* **Description of the task**: The answer is a stretch of the material below, returned exactly: the line containing "#220=IFCMATERIAL('Engineered Highland Oak", the line containing "building model written", and all lines between.

----

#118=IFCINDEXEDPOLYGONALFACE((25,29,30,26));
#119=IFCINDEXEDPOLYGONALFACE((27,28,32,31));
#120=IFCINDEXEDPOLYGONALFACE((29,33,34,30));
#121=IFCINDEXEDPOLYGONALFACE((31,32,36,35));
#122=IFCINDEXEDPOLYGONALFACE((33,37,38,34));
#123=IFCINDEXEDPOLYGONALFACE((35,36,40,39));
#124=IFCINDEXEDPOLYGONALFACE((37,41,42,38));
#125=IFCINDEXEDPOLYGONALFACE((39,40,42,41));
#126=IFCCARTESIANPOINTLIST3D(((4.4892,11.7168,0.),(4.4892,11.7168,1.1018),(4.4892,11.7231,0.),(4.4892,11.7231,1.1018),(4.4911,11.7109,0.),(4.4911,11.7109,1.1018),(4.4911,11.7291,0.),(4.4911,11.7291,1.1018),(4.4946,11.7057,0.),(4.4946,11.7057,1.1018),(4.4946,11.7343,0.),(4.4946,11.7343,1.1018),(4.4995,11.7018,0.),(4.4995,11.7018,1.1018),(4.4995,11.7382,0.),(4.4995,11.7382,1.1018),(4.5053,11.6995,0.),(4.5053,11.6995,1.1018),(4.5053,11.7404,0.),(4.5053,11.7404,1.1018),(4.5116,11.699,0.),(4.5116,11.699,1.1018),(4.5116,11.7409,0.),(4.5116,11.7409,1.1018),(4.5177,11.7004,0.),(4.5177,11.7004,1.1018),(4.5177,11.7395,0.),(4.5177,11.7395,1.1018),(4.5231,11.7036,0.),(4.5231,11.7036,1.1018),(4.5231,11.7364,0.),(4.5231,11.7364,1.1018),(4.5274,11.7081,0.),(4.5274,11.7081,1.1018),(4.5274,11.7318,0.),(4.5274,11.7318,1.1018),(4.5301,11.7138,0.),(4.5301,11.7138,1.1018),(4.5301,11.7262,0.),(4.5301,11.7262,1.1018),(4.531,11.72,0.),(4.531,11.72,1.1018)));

----

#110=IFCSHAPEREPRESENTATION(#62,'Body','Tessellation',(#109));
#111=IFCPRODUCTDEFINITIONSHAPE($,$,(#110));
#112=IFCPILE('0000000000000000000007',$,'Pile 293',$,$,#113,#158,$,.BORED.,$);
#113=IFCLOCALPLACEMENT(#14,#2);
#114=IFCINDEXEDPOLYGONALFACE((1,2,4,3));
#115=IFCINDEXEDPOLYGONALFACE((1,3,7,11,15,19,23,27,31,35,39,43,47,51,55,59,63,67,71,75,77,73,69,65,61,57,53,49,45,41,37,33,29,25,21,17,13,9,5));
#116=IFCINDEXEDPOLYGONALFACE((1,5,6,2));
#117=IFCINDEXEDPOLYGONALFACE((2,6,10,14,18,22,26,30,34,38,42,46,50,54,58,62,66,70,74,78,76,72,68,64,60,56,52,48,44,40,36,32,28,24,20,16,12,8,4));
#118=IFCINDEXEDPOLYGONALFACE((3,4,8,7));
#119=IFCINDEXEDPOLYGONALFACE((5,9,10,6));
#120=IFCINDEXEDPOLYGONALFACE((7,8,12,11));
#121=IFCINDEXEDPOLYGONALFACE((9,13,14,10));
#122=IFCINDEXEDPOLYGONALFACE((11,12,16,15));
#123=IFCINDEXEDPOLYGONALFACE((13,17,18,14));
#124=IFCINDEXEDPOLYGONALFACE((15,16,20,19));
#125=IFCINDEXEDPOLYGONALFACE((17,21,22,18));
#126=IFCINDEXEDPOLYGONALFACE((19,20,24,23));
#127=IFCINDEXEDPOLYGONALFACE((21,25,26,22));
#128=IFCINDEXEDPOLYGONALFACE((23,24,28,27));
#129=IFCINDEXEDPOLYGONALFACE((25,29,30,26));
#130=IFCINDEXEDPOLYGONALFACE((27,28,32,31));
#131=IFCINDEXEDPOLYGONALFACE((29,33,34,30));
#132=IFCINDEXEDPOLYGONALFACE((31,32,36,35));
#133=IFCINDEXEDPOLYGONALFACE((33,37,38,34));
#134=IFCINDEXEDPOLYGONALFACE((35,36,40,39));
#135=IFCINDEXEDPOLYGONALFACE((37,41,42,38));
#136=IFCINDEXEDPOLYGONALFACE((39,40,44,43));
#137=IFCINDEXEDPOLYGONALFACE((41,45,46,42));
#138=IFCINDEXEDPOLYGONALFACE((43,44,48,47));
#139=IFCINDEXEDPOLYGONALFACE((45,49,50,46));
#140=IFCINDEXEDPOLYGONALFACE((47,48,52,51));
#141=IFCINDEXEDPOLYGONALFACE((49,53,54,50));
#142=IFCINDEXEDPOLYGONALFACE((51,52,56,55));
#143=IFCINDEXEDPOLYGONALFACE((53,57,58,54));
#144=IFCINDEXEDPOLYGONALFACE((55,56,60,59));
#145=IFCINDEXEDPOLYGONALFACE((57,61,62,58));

----

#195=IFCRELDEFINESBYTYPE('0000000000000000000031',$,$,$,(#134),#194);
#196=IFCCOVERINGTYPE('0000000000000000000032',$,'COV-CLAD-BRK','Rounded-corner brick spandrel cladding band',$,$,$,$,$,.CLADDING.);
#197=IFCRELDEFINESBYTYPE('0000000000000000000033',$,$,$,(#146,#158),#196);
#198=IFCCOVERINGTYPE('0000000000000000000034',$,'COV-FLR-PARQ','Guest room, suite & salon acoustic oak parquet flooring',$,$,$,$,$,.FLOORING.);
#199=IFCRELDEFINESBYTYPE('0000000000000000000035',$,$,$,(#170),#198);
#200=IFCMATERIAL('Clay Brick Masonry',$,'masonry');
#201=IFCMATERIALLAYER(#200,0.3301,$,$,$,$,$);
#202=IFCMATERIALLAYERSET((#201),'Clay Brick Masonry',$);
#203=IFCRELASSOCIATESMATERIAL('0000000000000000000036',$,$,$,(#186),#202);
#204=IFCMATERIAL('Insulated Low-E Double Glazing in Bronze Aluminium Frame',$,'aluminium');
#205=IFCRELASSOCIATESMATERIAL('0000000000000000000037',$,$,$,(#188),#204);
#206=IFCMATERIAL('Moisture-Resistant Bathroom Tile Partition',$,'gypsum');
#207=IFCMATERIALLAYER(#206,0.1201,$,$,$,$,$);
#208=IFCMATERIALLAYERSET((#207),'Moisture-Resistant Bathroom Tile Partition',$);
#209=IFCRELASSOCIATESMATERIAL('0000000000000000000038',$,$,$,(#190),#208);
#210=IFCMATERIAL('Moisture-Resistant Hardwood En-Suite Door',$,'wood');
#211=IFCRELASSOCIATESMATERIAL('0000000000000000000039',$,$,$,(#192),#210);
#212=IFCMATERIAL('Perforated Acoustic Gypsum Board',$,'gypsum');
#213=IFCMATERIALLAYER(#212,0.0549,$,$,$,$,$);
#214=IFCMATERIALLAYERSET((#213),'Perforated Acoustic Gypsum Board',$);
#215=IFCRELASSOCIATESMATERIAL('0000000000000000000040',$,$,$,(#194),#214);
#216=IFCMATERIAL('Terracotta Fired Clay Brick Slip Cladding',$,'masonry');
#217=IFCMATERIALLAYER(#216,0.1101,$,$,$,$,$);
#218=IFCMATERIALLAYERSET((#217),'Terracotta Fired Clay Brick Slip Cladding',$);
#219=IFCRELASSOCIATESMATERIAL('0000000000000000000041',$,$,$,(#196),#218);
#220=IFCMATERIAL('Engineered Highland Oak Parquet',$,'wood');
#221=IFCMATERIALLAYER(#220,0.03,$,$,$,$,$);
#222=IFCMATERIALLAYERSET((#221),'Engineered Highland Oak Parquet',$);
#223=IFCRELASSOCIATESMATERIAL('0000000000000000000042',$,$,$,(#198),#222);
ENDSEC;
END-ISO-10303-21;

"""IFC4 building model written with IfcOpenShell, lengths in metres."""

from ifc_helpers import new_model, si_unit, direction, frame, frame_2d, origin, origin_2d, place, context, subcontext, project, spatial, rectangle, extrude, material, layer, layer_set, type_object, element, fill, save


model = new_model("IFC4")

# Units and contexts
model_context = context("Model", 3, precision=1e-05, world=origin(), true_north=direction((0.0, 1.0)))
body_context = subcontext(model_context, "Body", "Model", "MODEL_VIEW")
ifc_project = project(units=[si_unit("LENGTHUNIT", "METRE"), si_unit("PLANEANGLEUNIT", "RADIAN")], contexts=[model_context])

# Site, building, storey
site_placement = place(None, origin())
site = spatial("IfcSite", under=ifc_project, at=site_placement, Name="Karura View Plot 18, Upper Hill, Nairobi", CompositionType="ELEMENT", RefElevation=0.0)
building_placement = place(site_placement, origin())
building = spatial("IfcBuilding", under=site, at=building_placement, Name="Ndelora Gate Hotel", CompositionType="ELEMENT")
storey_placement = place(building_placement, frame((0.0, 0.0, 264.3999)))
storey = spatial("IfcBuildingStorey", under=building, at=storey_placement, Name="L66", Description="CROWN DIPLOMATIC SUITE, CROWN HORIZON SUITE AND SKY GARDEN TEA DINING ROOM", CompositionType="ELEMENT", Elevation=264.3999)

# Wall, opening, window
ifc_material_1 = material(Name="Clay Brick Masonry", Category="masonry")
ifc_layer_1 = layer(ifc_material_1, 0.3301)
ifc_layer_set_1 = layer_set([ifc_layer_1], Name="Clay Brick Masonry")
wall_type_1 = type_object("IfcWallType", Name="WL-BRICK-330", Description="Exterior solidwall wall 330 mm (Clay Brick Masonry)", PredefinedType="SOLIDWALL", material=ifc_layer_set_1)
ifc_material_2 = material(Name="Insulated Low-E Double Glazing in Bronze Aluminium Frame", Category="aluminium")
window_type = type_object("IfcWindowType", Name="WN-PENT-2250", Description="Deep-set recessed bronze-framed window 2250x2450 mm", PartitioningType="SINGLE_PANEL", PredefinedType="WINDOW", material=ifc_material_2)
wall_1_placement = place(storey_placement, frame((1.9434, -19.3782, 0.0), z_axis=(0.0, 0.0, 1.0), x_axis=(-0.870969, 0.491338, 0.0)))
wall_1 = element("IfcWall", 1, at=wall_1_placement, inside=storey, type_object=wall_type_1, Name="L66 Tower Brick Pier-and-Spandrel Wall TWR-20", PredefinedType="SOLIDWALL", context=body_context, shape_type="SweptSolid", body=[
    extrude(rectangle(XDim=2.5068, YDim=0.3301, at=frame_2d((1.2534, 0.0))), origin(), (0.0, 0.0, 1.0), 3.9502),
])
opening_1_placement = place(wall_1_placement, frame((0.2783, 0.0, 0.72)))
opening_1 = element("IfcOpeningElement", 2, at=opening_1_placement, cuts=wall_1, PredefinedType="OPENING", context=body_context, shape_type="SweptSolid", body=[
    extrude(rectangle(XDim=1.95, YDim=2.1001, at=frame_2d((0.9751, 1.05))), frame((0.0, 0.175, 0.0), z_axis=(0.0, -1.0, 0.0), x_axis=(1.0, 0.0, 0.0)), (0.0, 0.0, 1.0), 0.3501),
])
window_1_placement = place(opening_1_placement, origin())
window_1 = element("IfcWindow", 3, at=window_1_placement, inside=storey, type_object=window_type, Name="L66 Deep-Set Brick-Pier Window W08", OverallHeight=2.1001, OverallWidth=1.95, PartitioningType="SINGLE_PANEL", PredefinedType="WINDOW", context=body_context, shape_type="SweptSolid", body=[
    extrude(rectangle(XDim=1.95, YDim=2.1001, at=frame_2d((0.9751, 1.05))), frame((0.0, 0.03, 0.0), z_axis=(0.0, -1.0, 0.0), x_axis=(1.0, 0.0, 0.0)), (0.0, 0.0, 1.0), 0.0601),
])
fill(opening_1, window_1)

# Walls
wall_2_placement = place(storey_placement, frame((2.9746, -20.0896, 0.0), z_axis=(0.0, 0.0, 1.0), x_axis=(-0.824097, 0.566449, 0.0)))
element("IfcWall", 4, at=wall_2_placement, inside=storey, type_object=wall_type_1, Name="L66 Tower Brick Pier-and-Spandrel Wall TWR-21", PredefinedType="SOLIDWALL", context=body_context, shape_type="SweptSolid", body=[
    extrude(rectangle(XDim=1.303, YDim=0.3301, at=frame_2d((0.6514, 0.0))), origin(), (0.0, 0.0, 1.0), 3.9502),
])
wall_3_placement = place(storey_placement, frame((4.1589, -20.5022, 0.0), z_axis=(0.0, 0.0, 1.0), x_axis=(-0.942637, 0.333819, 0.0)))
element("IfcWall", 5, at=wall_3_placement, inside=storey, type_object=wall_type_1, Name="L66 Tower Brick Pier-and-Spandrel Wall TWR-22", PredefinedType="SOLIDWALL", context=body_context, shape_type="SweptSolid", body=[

----

* **Task result**:
#220=IFCMATERIAL('Engineered Highland Oak Parquet',$,'wood');
#221=IFCMATERIALLAYER(#220,0.03,$,$,$,$,$);
#222=IFCMATERIALLAYERSET((#221),'Engineered Highland Oak Parquet',$);
#223=IFCRELASSOCIATESMATERIAL('0000000000000000000042',$,$,$,(#198),#222);
ENDSEC;
END-ISO-10303-21;

"""IFC4 building model written with IfcOpenShell, lengths in metres."""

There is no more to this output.